**The task**
If a line in the records contains the string "Wall", show that line.

**Exercise input**
──────────────────────────────
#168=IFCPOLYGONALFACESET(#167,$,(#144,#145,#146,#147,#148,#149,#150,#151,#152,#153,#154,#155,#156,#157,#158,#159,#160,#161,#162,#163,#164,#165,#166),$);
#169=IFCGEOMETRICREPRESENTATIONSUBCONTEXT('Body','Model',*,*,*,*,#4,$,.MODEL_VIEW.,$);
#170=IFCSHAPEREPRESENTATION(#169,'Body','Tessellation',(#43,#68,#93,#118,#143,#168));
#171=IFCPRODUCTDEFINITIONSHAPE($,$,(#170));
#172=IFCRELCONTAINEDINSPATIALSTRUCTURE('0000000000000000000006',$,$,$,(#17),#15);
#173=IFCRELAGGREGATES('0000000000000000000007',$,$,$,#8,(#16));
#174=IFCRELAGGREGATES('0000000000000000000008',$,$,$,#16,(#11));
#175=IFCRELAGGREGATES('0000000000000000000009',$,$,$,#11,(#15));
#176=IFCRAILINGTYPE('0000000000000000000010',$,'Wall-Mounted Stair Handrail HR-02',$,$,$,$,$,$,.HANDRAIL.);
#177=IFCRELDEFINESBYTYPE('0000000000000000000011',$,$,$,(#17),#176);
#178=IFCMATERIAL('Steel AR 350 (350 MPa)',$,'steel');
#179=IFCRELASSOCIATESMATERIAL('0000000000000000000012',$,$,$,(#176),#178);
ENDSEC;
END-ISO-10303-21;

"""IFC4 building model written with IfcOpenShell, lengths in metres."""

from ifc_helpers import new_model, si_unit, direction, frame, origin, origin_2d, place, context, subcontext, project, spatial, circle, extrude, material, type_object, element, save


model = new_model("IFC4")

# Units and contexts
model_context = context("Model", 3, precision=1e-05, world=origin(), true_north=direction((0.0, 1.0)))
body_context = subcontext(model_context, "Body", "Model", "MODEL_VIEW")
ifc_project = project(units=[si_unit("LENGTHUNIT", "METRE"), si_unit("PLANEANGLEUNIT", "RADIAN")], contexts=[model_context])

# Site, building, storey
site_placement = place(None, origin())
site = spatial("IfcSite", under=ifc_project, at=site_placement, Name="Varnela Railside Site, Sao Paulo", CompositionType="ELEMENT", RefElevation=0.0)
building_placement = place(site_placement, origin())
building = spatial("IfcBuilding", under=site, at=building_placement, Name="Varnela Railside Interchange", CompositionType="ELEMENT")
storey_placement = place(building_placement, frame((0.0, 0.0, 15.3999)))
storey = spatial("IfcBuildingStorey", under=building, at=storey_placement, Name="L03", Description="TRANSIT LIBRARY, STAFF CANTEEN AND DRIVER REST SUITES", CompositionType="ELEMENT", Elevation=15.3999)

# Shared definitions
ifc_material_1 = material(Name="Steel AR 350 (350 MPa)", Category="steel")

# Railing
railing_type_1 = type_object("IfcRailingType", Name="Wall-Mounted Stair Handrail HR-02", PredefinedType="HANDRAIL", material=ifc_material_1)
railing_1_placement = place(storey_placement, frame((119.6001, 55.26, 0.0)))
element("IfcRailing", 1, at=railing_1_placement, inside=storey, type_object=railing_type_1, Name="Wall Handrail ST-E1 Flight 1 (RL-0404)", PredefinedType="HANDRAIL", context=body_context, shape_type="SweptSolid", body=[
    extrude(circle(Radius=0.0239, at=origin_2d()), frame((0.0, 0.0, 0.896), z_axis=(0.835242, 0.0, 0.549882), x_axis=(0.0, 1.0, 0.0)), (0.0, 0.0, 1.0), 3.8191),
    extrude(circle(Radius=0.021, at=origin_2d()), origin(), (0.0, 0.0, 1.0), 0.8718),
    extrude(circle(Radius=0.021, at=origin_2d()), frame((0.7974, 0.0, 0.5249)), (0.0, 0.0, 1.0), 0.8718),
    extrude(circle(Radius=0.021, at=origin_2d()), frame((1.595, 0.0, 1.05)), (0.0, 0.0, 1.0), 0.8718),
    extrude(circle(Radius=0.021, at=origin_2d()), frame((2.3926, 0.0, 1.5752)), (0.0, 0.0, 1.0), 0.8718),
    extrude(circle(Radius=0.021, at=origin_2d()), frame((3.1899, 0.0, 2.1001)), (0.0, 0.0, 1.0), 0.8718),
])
──────────────────────────────
**Worked solution**
#176=IFCRAILINGTYPE('0000000000000000000010',$,'Wall-Mounted Stair Handrail HR-02',$,$,$,$,$,$,.HANDRAIL.);
railing_type_1 = type_object("IfcRailingType", Name="Wall-Mounted Stair Handrail HR-02", PredefinedType="HANDRAIL", material=ifc_material_1)
element("IfcRailing", 1, at=railing_1_placement, inside=storey, type_object=railing_type_1, Name="Wall Handrail ST-E1 Flight 1 (RL-0404)", PredefinedType="HANDRAIL", context=body_context, shape_type="SweptSolid", body=[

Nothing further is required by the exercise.